### [Input for this task]
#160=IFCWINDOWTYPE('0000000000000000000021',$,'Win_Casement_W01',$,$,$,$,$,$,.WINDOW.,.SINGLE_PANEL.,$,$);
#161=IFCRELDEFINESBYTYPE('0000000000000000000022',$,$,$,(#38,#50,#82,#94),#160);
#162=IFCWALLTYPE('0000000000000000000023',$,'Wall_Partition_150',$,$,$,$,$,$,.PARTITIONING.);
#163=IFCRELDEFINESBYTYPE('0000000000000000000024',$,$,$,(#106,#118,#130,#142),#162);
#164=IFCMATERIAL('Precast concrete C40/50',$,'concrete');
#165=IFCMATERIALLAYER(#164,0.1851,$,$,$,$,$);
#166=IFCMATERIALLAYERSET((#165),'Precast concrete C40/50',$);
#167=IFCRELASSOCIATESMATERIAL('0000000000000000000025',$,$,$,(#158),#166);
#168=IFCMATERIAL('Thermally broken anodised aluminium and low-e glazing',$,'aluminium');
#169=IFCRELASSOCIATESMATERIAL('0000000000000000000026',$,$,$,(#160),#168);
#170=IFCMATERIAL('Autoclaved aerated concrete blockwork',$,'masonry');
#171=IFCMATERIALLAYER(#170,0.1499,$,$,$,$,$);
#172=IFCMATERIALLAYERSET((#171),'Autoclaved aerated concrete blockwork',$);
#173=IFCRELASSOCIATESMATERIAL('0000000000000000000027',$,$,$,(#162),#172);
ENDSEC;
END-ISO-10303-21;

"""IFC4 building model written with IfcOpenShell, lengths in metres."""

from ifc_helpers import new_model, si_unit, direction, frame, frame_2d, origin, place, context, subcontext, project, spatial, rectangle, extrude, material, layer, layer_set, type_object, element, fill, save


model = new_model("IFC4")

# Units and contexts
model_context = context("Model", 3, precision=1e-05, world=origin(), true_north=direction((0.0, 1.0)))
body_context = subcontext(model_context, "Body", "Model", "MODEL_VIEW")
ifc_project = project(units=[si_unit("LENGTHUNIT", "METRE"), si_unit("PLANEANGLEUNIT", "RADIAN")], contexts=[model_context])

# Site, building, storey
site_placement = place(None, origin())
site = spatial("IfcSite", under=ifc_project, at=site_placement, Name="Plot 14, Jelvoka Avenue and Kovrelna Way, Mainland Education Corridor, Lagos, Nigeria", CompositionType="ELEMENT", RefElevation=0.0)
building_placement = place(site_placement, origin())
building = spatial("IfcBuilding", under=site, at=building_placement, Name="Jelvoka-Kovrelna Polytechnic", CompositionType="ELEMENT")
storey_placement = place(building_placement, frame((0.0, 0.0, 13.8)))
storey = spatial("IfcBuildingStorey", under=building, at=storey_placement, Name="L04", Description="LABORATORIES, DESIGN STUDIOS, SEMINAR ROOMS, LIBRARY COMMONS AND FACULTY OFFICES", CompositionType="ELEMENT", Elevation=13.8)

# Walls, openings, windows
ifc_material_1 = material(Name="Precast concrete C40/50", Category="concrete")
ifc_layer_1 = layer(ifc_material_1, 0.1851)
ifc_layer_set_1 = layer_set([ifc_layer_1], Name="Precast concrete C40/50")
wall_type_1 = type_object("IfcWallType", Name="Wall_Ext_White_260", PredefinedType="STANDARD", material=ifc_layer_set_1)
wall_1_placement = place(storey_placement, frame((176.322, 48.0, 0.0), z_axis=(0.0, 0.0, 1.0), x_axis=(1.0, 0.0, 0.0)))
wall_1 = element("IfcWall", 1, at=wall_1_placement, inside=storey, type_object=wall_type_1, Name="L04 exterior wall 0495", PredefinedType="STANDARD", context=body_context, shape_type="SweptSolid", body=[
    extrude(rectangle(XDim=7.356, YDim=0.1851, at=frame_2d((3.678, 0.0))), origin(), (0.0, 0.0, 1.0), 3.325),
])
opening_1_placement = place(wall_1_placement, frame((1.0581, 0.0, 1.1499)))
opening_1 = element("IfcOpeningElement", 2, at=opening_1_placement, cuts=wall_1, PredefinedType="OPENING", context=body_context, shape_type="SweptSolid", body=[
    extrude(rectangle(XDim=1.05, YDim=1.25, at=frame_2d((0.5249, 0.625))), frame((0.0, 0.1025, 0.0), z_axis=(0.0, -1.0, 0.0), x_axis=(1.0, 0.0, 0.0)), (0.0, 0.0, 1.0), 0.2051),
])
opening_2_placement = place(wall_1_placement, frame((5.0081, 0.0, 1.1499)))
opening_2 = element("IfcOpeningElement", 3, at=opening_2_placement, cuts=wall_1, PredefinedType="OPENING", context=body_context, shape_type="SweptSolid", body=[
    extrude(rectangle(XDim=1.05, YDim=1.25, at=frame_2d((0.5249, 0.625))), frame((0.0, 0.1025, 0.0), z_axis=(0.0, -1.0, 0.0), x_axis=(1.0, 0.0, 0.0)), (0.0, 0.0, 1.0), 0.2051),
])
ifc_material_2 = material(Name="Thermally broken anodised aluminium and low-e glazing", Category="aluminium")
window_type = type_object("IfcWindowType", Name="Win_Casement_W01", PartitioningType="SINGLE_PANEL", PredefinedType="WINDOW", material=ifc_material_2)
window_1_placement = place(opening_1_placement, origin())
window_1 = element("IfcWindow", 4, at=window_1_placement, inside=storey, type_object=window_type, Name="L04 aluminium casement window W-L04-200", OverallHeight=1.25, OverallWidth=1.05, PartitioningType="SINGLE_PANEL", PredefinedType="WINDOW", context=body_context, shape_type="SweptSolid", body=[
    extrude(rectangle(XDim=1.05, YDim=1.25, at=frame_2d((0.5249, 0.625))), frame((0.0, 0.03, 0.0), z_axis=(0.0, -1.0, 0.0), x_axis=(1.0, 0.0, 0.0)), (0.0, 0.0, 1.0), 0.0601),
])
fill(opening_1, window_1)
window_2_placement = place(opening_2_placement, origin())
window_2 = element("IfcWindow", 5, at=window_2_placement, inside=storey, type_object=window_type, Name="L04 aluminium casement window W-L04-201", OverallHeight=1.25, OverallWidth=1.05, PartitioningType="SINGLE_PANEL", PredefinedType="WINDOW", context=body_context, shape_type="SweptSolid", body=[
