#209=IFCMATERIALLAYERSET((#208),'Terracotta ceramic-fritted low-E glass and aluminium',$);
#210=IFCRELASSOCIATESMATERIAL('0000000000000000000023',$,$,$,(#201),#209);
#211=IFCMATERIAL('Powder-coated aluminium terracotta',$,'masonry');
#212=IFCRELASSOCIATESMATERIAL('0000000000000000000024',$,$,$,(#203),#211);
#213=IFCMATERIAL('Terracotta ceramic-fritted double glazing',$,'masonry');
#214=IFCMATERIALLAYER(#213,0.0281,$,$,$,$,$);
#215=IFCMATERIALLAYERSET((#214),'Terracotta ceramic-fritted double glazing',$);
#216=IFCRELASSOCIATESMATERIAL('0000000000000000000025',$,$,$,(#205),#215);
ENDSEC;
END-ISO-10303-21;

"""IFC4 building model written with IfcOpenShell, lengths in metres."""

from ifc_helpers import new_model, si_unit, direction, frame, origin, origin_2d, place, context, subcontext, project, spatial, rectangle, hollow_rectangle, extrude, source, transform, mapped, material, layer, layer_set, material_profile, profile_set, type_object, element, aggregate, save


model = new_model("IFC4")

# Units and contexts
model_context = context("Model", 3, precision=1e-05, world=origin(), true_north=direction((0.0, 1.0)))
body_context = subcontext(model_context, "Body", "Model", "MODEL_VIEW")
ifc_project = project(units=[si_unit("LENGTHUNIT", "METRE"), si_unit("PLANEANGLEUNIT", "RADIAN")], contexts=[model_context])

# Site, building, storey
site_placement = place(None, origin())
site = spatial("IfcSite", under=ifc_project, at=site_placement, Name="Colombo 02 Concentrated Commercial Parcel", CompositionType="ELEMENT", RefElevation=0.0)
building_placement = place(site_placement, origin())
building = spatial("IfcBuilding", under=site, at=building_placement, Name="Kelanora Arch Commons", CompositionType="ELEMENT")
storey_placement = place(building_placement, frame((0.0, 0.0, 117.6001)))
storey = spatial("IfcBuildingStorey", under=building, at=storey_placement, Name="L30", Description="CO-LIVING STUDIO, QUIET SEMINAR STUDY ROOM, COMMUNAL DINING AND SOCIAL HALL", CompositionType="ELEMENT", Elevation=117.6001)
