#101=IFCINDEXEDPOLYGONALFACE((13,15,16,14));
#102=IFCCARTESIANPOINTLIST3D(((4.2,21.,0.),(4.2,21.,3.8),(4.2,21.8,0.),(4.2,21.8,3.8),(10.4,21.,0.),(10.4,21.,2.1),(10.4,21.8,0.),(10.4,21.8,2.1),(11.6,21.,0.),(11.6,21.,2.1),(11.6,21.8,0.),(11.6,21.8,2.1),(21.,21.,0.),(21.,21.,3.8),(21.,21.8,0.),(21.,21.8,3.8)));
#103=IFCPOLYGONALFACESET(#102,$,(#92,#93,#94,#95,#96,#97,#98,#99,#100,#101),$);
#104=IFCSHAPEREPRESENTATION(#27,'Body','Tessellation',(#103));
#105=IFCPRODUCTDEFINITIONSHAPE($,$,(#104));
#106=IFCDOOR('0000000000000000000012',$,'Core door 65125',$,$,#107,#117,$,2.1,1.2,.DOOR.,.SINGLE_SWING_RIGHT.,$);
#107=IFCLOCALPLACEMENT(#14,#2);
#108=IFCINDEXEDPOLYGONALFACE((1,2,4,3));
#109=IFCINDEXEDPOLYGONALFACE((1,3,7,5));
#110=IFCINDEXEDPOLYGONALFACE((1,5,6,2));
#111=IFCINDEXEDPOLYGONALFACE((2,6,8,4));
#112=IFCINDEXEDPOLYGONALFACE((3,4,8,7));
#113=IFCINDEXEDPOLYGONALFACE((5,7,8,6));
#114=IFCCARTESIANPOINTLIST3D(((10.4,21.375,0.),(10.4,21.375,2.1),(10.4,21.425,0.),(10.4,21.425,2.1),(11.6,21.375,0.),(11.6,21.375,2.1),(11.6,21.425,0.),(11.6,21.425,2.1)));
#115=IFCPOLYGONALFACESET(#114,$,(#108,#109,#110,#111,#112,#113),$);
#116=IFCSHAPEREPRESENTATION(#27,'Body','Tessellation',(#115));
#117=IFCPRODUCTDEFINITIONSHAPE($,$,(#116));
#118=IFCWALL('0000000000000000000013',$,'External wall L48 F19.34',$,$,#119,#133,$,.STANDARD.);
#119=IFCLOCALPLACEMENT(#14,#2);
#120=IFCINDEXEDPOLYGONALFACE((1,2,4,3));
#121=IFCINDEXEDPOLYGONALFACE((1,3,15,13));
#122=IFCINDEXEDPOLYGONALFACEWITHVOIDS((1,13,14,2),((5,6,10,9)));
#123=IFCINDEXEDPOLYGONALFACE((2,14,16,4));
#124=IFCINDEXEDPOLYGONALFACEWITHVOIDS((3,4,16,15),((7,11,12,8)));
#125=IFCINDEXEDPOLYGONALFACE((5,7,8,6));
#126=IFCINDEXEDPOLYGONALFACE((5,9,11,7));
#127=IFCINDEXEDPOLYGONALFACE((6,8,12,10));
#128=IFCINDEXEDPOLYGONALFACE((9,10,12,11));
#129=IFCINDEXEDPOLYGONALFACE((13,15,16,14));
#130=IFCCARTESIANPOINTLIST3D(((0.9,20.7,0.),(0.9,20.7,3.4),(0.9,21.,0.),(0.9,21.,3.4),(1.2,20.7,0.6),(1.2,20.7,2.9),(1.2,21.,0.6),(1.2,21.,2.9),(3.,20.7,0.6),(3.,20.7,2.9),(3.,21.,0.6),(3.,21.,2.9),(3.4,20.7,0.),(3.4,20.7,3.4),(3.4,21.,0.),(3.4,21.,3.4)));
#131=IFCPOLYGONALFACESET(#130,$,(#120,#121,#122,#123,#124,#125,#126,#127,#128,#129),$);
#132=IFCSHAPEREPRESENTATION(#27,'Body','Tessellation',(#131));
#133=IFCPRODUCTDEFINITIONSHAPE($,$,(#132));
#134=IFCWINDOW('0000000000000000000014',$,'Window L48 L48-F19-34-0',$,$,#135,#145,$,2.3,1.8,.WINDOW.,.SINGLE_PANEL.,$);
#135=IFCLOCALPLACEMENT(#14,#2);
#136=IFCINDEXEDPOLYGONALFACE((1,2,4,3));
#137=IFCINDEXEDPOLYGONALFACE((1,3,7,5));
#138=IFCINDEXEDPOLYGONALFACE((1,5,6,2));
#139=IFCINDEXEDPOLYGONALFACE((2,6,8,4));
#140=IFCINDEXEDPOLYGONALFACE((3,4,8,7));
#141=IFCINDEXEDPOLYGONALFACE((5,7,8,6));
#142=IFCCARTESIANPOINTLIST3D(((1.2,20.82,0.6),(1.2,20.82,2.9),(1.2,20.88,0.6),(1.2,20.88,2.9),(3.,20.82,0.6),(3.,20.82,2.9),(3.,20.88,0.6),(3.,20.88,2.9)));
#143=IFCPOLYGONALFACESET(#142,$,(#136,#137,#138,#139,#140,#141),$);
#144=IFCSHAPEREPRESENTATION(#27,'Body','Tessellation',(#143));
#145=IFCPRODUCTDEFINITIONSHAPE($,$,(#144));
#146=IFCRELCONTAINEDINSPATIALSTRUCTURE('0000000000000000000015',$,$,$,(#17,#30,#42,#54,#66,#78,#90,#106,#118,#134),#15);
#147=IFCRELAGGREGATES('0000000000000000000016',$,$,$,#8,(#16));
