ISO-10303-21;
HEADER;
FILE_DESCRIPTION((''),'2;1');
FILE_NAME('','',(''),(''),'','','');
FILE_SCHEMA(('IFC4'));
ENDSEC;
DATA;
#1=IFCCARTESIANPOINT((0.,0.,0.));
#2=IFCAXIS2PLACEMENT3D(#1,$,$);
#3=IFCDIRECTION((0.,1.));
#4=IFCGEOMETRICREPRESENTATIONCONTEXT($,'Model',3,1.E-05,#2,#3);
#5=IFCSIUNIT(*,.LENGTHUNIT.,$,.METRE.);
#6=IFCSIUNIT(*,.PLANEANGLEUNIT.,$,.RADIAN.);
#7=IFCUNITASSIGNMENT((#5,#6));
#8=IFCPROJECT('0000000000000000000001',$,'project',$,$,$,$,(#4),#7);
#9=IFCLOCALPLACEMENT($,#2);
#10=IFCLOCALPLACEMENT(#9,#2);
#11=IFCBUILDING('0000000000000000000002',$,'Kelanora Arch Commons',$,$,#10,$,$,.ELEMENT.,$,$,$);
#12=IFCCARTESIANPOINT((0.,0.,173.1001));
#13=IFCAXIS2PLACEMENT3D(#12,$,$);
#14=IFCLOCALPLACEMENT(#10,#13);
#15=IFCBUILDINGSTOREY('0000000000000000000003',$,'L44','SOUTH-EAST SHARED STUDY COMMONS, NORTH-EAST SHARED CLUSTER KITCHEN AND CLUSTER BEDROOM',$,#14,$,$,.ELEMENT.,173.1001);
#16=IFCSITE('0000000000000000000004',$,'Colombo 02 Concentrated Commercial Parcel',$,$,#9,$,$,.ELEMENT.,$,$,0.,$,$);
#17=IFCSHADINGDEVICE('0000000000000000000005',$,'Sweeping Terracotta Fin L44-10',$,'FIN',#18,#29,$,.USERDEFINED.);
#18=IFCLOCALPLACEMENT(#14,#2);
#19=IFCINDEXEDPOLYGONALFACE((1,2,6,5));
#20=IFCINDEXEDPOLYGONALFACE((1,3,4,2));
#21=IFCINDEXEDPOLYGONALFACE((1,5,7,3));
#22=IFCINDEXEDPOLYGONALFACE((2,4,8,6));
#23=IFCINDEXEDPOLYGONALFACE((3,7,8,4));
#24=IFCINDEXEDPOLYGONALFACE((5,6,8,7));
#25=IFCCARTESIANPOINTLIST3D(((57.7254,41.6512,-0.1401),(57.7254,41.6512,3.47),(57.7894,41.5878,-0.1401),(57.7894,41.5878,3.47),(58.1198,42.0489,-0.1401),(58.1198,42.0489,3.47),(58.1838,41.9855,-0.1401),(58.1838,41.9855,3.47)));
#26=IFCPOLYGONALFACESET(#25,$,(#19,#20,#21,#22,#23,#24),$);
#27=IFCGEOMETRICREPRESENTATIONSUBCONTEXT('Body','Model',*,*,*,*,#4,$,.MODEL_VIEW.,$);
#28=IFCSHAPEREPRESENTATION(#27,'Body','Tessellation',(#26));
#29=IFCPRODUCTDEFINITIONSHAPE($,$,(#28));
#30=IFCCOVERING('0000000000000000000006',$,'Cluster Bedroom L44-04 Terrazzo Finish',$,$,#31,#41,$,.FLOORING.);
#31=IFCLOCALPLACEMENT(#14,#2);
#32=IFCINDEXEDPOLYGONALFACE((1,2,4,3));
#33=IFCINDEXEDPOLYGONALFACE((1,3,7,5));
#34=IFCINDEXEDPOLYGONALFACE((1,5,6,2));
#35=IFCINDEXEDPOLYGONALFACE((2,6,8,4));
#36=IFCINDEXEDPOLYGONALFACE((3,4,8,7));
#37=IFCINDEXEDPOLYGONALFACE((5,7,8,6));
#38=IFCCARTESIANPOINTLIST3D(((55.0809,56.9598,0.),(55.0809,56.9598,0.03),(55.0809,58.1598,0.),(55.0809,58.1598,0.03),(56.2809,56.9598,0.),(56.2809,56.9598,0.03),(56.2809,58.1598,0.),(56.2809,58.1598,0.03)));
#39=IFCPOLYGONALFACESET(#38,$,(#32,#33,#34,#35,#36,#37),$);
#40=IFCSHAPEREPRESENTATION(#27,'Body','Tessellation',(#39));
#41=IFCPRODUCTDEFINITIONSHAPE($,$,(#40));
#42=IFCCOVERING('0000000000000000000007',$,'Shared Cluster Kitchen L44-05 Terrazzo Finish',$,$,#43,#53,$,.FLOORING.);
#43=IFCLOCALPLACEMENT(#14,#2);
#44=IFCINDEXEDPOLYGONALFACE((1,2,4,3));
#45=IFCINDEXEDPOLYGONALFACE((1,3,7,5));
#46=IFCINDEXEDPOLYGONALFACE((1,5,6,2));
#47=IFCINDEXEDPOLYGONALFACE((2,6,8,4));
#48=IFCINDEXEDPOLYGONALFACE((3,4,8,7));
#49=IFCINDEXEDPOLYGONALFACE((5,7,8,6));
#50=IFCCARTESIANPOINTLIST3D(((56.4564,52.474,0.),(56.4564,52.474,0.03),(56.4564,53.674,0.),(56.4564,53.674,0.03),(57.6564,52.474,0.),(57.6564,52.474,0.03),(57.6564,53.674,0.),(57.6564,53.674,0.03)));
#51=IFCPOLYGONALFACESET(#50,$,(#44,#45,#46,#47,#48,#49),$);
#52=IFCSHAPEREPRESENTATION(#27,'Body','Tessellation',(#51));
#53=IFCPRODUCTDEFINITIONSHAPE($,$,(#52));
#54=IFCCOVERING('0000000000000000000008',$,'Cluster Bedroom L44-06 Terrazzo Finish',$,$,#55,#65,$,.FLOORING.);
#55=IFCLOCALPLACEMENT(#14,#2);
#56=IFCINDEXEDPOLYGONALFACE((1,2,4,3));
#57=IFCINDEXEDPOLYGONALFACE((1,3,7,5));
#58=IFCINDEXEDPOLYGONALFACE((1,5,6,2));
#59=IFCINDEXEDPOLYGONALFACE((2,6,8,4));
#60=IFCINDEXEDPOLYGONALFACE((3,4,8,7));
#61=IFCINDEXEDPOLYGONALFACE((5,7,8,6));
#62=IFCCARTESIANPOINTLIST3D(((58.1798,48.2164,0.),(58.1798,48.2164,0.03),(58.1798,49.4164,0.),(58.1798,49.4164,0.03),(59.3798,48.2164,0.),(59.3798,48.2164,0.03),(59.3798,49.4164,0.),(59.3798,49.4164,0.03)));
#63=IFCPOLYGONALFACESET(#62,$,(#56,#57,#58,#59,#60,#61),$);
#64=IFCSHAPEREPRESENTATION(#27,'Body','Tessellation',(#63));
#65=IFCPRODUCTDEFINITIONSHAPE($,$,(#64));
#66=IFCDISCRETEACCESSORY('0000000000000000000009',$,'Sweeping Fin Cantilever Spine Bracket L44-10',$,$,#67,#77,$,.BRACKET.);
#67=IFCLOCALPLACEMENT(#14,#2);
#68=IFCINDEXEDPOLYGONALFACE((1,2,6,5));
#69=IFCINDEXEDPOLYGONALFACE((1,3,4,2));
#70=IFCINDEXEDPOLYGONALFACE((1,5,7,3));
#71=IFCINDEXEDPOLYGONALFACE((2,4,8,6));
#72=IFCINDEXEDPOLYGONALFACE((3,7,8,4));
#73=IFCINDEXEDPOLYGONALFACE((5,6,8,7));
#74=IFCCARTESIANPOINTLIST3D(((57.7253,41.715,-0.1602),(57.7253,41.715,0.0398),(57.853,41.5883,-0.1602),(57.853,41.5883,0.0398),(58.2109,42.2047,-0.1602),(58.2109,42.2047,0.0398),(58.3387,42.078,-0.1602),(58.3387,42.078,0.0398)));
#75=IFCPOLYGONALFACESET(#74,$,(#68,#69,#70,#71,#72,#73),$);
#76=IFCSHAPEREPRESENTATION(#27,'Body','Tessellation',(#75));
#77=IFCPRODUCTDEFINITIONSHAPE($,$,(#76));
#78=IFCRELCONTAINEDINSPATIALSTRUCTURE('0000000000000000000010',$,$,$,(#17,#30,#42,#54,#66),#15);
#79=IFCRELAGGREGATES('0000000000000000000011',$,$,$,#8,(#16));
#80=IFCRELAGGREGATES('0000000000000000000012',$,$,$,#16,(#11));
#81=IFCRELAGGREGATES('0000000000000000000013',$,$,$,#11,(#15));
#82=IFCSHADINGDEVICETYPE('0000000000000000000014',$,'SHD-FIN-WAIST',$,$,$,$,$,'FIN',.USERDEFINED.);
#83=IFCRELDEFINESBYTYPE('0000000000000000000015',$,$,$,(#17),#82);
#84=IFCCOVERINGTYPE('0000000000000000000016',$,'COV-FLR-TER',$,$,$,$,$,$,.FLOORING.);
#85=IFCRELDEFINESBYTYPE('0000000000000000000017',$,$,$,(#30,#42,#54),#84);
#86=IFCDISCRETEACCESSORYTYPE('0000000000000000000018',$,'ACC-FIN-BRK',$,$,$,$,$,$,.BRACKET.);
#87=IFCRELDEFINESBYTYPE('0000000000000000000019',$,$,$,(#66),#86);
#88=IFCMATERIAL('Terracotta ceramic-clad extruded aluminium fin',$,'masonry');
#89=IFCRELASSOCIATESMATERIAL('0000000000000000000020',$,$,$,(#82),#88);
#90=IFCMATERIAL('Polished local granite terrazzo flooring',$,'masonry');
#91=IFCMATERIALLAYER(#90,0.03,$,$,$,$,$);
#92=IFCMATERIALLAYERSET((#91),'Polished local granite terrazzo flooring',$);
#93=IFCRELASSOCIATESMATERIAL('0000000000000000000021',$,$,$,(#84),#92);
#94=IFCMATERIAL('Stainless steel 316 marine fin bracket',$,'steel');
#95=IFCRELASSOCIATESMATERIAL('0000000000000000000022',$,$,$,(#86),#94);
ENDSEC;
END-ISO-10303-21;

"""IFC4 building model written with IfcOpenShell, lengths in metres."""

from ifc_helpers import new_model, si_unit, direction, frame, origin, origin_2d, place, context, subcontext, project, spatial, rectangle, extrude, source, transform, mapped, material, layer, layer_set, type_object, element, save


model = new_model("IFC4")

# Units and contexts
model_context = context("Model", 3, precision=1e-05, world=origin(), true_north=direction((0.0, 1.0)))
body_context = subcontext(model_context, "Body", "Model", "MODEL_VIEW")
ifc_project = project(units=[si_unit("LENGTHUNIT", "METRE"), si_unit("PLANEANGLEUNIT", "RADIAN")], contexts=[model_context])

# Site, building, storey
site_placement = place(None, origin())
site = spatial("IfcSite", under=ifc_project, at=site_placement, Name="Colombo 02 Concentrated Commercial Parcel", CompositionType="ELEMENT", RefElevation=0.0)
building_placement = place(site_placement, origin())
building = spatial("IfcBuilding", under=site, at=building_placement, Name="Kelanora Arch Commons", CompositionType="ELEMENT")
storey_placement = place(building_placement, frame((0.0, 0.0, 173.1001)))
storey = spatial("IfcBuildingStorey", under=building, at=storey_placement, Name="L44", Description="SOUTH-EAST SHARED STUDY COMMONS, NORTH-EAST SHARED CLUSTER KITCHEN AND CLUSTER BEDROOM", CompositionType="ELEMENT", Elevation=173.1001)

# Shading device
ifc_material_1 = material(Name="Terracotta ceramic-clad extruded aluminium fin", Category="masonry")
shading_device_type = type_object("IfcShadingDeviceType", Name="SHD-FIN-WAIST", ElementType="FIN", PredefinedType="USERDEFINED", material=ifc_material_1)
shared_shape_1 = source(origin(), body_context, "Body", "SweptSolid", [
    extrude(rectangle(XDim=0.5601, YDim=0.0901, at=origin_2d()), origin(), (0.0, 0.0, 1.0), 3.6101),
])
shading_device_placement = place(storey_placement, frame((57.9546, 41.8184, -0.1401), z_axis=(0.0, 0.0, 1.0), x_axis=(-0.704139, -0.710062, 0.0)))
element("IfcShadingDevice", 1, at=shading_device_placement, inside=storey, type_object=shading_device_type, Name="Sweeping Terracotta Fin L44-10", ObjectType="FIN", PredefinedType="USERDEFINED", context=body_context, shape_type="MappedRepresentation", body=[
    mapped(shared_shape_1, transform((0.0, 0.0, 0.0), scale=1.0)),
])

# Coverings
ifc_material_2 = material(Name="Polished local granite terrazzo flooring", Category="masonry")
ifc_layer_1 = layer(ifc_material_2, 0.03)
ifc_layer_set_1 = layer_set([ifc_layer_1], Name="Polished local granite terrazzo flooring")
covering_type = type_object("IfcCoveringType", Name="COV-FLR-TER", PredefinedType="FLOORING", material=ifc_layer_set_1)
shared_shape_2 = source(origin(), body_context, "Body", "SweptSolid", [
    extrude(rectangle(XDim=1.2, YDim=1.2, at=origin_2d()), origin(), (0.0, 0.0, 1.0), 0.03),
])
for number, where, z_axis, x_axis, name in (
    (2, (55.6809, 57.5598, 0.0), (0.0, 0.0, 1.0), (1.0, 0.0, 0.0), "Cluster Bedroom L44-04 Terrazzo Finish"),
    (3, (57.0564, 53.074, 0.0), (0.0, 0.0, 1.0), (1.0, 0.0, 0.0), "Shared Cluster Kitchen L44-05 Terrazzo Finish"),
    (4, (58.7798, 48.8164, 0.0), (0.0, 0.0, 1.0), (1.0, 0.0, 0.0), "Cluster Bedroom L44-06 Terrazzo Finish"),
):
    element("IfcCovering", number, at=place(storey_placement, frame(where, z_axis=z_axis, x_axis=x_axis)), inside=storey, type_object=covering_type, Name=name, PredefinedType="FLOORING", context=body_context, shape_type="MappedRepresentation", body=[
        mapped(shared_shape_2, transform((0.0, 0.0, 0.0), scale=1.0)),
    ])

# Discrete accessory
ifc_material_3 = material(Name="Stainless steel 316 marine fin bracket", Category="steel")
discrete_accessory_type = type_object("IfcDiscreteAccessoryType", Name="ACC-FIN-BRK", PredefinedType="BRACKET", material=ifc_material_3)
shared_shape_3 = source(origin(), body_context, "Body", "SweptSolid", [
    extrude(rectangle(XDim=0.6897, YDim=0.1799, at=origin_2d()), origin(), (0.0, 0.0, 1.0), 0.2),
])
discrete_accessory_placement = place(storey_placement, frame((58.032, 41.8965, -0.1602), z_axis=(0.0, 0.0, 1.0), x_axis=(-0.704139, -0.710062, 0.0)))
element("IfcDiscreteAccessory", 5, at=discrete_accessory_placement, inside=storey, type_object=discrete_accessory_type, Name="Sweeping Fin Cantilever Spine Bracket L44-10", PredefinedType="BRACKET", context=body_context, shape_type="MappedRepresentation", body=[
    mapped(shared_shape_3, transform((0.0, 0.0, 0.0), scale=1.0)),
])

save(model, "model.ifc")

### [Requirement]
Would you show each line of the listing above that has the string "IFCRELAGGREGATES"?

### [Answer for this exercise]
#147=IFCRELAGGREGATES('0000000000000000000016',$,$,$,#8,(#16));
#79=IFCRELAGGREGATES('0000000000000000000011',$,$,$,#8,(#16));
#80=IFCRELAGGREGATES('0000000000000000000012',$,$,$,#16,(#11));
#81=IFCRELAGGREGATES('0000000000000000000013',$,$,$,#11,(#15));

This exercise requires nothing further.